#### Recorded data ####
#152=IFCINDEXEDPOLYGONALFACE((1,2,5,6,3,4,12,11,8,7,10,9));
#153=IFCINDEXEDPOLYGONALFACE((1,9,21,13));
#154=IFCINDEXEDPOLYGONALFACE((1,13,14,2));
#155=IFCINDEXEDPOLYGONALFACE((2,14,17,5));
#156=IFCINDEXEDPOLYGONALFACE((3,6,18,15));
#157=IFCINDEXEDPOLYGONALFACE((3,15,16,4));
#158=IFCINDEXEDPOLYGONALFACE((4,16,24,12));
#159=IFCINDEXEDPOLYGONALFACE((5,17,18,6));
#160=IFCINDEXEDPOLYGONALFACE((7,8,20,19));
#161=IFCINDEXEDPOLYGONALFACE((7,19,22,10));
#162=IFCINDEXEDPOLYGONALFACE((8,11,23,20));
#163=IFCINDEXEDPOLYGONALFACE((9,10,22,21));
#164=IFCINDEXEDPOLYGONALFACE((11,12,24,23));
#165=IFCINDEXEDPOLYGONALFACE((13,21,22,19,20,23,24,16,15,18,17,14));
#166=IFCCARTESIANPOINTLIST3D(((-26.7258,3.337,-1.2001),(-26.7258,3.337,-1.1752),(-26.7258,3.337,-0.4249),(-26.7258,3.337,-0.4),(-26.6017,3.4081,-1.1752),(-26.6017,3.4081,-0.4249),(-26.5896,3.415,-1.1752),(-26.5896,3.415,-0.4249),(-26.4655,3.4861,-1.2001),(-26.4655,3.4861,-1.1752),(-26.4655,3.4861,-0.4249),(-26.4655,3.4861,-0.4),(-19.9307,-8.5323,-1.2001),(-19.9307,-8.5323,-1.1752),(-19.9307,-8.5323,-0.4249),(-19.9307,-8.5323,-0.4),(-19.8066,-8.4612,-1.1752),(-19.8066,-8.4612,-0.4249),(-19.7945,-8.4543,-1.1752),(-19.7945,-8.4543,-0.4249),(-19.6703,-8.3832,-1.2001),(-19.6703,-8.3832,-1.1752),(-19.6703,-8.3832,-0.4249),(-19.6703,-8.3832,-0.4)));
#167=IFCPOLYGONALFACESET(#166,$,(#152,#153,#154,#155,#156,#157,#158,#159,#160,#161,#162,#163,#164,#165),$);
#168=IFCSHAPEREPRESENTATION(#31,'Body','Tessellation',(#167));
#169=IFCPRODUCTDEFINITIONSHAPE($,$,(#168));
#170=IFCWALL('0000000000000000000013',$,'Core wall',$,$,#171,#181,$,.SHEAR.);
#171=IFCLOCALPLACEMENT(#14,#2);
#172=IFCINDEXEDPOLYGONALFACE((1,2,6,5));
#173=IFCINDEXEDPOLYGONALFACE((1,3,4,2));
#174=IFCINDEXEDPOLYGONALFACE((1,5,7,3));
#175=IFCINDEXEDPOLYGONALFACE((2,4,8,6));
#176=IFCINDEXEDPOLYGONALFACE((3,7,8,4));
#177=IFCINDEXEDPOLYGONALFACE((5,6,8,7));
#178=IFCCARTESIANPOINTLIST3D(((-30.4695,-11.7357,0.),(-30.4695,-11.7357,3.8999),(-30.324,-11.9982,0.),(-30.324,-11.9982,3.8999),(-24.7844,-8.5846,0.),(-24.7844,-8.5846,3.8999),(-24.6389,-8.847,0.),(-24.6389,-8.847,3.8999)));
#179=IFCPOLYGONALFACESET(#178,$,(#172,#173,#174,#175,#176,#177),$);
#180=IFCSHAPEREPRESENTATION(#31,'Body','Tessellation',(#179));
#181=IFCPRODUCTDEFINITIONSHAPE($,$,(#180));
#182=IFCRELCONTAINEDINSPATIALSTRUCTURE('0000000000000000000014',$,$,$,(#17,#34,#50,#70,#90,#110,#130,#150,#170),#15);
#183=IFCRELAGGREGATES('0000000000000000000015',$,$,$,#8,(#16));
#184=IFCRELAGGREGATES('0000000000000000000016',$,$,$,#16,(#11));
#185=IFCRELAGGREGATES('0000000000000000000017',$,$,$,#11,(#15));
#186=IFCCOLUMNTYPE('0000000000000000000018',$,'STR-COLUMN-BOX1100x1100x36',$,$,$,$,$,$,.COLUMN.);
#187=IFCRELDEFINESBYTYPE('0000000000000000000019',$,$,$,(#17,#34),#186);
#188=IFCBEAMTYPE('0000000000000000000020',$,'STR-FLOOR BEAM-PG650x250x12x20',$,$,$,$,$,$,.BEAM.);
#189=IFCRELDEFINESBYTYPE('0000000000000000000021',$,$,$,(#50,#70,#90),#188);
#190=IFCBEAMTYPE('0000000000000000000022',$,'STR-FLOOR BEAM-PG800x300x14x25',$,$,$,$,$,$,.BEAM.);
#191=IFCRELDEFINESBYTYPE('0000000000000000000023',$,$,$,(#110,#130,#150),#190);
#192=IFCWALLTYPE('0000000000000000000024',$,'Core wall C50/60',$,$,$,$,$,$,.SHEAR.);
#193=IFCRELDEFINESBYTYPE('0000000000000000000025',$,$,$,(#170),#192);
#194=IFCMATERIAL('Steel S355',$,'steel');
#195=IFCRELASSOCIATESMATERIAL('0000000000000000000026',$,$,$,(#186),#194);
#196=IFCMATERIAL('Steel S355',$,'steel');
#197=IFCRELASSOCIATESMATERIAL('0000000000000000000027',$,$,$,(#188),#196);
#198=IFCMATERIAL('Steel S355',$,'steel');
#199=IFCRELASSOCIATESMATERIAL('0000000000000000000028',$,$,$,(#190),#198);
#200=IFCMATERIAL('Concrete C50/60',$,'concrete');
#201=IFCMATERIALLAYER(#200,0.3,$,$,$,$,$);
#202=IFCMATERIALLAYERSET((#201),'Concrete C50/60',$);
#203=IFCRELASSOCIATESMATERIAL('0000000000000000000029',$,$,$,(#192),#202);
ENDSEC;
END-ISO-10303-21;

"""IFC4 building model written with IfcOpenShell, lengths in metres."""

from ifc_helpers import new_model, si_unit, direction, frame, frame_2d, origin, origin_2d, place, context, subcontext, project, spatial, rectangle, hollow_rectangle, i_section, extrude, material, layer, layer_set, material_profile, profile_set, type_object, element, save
####
* _Work to complete_:
Only the number is required: state how many lines of the entries hold the word "IFCSHAPEREPRESENTATION".

* _Task answer_:
2